▶ [Work request]:
Of the entries below, restate word for word only the section that runs from the line with "fill(opening_2, window_2)" to the line with "frame((1.145, 0.0, 0.6499)))", counting both ends.

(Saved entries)

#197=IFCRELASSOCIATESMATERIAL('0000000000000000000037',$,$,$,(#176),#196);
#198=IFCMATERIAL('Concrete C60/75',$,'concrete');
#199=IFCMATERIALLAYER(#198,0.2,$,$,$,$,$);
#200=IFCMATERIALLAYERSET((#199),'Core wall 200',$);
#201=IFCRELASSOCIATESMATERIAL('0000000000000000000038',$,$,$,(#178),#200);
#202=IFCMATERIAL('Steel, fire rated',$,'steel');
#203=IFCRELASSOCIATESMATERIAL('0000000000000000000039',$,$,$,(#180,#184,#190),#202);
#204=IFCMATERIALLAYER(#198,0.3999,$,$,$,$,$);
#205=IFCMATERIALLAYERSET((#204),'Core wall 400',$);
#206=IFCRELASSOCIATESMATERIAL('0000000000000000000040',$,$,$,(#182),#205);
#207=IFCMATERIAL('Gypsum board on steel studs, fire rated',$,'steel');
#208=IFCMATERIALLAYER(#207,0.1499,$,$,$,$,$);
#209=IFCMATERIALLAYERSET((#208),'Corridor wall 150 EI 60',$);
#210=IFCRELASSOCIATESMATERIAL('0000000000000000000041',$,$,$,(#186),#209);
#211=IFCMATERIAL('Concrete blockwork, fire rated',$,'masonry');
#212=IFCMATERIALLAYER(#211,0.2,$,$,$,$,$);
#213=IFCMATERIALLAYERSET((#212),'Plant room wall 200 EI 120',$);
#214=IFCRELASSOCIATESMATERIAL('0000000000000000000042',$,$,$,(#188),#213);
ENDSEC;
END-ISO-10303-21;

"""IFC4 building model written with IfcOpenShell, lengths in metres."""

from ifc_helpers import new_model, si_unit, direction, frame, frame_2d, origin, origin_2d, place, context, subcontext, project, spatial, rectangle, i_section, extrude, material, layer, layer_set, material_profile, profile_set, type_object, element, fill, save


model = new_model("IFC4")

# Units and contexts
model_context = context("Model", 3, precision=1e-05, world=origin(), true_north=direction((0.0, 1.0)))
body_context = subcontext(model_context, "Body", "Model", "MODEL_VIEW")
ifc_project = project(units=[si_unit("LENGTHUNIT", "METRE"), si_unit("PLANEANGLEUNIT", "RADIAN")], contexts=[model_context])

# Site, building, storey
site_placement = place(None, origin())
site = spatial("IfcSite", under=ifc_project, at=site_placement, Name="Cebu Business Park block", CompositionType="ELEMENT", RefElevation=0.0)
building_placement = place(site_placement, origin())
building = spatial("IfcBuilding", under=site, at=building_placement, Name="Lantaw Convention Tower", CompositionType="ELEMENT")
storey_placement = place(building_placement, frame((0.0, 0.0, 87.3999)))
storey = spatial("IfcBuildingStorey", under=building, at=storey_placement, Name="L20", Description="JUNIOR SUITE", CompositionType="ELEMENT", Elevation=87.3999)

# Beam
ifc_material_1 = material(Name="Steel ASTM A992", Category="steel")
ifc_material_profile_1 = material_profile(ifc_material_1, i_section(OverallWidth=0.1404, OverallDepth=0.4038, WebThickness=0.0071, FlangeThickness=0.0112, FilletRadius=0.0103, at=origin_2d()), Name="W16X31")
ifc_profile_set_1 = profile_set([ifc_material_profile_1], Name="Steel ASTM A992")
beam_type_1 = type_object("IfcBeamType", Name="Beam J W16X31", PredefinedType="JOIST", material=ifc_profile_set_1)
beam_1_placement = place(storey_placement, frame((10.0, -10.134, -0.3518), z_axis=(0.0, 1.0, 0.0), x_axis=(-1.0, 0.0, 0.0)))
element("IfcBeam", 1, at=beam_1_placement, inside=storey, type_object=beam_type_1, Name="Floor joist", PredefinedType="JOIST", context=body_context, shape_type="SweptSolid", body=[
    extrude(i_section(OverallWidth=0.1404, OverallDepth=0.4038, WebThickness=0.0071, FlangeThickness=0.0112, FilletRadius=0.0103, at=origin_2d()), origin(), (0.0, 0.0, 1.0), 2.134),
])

...

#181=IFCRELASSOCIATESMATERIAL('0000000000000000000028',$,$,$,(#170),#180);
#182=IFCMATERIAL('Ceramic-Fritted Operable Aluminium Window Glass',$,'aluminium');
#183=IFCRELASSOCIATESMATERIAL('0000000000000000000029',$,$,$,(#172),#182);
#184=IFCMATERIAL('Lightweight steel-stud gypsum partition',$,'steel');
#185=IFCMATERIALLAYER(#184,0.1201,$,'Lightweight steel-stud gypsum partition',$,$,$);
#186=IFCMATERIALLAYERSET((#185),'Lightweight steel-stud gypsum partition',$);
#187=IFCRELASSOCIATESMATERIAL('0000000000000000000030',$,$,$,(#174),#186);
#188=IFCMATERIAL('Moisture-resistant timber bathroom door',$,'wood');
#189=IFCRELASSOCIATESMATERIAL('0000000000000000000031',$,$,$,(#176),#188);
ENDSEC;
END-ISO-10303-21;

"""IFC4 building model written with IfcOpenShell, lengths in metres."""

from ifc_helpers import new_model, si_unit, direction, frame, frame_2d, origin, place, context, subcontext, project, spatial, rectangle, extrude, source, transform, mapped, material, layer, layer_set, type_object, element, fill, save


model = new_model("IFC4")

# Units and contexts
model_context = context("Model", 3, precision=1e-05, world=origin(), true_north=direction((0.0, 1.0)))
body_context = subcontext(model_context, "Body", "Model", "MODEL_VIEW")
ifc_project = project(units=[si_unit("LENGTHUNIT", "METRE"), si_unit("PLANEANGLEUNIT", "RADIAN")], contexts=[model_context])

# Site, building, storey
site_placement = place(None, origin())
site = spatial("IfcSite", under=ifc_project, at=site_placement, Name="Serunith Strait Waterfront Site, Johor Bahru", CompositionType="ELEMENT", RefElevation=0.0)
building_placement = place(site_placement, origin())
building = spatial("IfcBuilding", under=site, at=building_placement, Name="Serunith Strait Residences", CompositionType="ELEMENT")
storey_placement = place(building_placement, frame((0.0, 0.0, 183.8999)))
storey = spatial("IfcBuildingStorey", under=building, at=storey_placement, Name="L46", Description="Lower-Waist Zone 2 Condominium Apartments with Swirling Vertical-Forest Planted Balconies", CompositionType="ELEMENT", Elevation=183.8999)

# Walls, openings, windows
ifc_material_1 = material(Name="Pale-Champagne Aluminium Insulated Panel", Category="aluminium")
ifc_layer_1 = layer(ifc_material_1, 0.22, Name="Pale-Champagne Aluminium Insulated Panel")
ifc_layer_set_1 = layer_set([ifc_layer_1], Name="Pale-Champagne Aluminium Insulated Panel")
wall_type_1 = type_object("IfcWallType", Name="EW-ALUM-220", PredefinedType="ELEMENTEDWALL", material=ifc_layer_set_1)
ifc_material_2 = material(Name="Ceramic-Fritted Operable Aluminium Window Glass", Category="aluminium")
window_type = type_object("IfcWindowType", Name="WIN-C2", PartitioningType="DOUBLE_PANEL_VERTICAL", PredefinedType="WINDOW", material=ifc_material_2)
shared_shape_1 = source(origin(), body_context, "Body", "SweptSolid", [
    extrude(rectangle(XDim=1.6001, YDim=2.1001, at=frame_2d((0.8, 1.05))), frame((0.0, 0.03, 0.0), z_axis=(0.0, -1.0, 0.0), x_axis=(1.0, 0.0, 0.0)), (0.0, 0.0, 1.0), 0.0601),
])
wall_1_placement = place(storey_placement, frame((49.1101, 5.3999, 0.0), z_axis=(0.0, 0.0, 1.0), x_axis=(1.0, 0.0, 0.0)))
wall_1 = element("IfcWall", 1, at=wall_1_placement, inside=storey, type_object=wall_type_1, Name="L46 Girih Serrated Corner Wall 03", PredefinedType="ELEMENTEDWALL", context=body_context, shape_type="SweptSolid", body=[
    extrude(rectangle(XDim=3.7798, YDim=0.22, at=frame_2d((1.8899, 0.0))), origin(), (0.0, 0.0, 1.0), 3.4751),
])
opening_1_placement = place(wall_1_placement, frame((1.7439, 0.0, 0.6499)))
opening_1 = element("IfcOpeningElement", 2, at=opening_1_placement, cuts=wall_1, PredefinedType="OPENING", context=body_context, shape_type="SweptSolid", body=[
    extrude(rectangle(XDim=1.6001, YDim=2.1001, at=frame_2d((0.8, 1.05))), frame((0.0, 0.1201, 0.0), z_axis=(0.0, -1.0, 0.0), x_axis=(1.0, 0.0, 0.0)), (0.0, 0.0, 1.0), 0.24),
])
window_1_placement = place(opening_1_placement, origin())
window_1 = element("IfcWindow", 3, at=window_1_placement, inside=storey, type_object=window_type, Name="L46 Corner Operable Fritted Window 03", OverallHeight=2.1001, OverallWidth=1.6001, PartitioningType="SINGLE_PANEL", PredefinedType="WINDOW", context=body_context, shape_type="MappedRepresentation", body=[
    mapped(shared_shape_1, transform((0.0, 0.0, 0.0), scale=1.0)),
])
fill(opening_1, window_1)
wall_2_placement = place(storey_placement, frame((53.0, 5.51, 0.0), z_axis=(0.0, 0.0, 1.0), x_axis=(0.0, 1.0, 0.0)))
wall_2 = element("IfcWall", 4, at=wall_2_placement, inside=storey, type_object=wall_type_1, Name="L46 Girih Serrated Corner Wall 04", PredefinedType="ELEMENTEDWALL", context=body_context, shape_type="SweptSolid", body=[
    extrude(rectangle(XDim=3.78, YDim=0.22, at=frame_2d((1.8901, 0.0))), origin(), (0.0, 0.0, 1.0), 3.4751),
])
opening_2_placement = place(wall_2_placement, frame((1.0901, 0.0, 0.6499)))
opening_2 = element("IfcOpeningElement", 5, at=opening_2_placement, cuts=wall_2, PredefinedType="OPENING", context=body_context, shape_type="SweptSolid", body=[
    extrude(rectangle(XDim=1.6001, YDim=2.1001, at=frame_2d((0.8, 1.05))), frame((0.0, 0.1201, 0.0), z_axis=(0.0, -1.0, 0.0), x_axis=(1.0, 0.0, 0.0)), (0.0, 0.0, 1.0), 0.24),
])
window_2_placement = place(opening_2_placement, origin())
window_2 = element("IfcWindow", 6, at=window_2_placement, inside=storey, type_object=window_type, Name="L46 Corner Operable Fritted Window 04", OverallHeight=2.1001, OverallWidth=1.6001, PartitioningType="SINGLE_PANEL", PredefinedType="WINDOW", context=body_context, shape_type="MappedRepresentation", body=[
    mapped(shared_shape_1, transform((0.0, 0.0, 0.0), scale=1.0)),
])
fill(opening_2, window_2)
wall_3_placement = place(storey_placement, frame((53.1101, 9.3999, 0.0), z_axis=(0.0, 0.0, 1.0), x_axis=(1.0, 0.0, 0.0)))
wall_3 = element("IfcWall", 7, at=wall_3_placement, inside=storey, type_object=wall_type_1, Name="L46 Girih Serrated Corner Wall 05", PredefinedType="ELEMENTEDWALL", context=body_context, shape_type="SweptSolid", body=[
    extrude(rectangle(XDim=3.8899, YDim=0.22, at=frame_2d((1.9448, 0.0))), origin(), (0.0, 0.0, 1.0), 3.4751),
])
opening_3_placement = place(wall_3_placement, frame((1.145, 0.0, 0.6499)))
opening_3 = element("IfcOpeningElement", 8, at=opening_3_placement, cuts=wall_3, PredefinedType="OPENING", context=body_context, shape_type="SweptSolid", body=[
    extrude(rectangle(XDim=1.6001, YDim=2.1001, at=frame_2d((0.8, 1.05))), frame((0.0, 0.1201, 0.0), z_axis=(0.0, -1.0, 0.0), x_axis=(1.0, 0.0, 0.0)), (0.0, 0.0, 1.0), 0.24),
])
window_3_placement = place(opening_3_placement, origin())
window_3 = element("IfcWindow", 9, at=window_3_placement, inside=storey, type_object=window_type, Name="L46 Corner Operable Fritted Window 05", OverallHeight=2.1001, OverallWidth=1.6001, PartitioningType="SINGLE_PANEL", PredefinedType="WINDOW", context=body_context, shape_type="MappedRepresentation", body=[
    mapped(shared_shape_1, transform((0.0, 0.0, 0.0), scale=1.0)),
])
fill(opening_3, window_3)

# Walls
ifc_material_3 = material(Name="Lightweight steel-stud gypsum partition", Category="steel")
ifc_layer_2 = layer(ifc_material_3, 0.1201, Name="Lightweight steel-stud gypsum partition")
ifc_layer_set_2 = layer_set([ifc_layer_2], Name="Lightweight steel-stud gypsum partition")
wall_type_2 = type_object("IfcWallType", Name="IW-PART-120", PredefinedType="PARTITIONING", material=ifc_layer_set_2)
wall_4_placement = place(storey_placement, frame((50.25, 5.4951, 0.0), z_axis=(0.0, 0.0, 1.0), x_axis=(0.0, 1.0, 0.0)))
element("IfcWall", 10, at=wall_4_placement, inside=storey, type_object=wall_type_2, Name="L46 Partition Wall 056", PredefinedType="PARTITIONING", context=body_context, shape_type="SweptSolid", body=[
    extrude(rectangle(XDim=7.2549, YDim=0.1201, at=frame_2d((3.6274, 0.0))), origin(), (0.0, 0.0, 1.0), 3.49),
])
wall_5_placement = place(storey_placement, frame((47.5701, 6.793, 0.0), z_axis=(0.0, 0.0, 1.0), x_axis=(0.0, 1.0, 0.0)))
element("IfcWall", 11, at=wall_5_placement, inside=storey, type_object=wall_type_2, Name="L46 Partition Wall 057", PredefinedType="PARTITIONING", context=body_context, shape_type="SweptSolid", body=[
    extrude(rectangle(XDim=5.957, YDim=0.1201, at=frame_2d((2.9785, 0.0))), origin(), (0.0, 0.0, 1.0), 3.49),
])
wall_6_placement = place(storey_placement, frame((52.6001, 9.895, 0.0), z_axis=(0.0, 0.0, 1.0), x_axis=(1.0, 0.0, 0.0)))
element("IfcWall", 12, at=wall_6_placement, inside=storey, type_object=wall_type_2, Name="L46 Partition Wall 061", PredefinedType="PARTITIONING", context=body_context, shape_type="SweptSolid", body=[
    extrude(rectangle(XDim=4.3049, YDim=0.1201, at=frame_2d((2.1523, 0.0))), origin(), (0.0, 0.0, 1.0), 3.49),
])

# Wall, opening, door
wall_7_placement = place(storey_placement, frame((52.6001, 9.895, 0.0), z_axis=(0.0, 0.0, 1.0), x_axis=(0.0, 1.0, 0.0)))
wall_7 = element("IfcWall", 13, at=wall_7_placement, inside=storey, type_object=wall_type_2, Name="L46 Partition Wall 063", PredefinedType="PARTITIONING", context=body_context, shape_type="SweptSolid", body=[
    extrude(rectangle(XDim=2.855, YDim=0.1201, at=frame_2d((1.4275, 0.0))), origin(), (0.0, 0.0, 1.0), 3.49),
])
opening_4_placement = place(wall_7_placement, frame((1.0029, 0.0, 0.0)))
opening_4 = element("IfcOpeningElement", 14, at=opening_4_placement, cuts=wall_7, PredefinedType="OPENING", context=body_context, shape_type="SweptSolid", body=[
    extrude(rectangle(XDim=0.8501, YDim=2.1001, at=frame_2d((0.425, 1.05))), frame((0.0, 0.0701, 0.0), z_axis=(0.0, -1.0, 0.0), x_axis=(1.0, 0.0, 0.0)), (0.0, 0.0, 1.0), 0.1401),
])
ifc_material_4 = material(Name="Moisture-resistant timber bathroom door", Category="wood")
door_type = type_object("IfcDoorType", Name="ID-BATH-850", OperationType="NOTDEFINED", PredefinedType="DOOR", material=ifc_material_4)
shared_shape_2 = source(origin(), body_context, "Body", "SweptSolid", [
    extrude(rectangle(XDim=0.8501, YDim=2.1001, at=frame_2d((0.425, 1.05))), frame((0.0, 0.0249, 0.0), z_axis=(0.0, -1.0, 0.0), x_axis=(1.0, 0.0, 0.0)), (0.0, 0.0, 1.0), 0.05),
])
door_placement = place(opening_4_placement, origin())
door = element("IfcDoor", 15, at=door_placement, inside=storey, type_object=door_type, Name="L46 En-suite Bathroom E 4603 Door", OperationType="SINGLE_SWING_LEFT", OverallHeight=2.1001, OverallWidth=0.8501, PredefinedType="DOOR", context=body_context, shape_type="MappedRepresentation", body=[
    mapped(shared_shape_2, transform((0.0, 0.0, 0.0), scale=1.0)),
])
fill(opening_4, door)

▶ [Expected answer]:
fill(opening_2, window_2)
wall_3_placement = place(storey_placement, frame((53.1101, 9.3999, 0.0), z_axis=(0.0, 0.0, 1.0), x_axis=(1.0, 0.0, 0.0)))
wall_3 = element("IfcWall", 7, at=wall_3_placement, inside=storey, type_object=wall_type_1, Name="L46 Girih Serrated Corner Wall 05", PredefinedType="ELEMENTEDWALL", context=body_context, shape_type="SweptSolid", body=[
    extrude(rectangle(XDim=3.8899, YDim=0.22, at=frame_2d((1.9448, 0.0))), origin(), (0.0, 0.0, 1.0), 3.4751),
])
opening_3_placement = place(wall_3_placement, frame((1.145, 0.0, 0.6499)))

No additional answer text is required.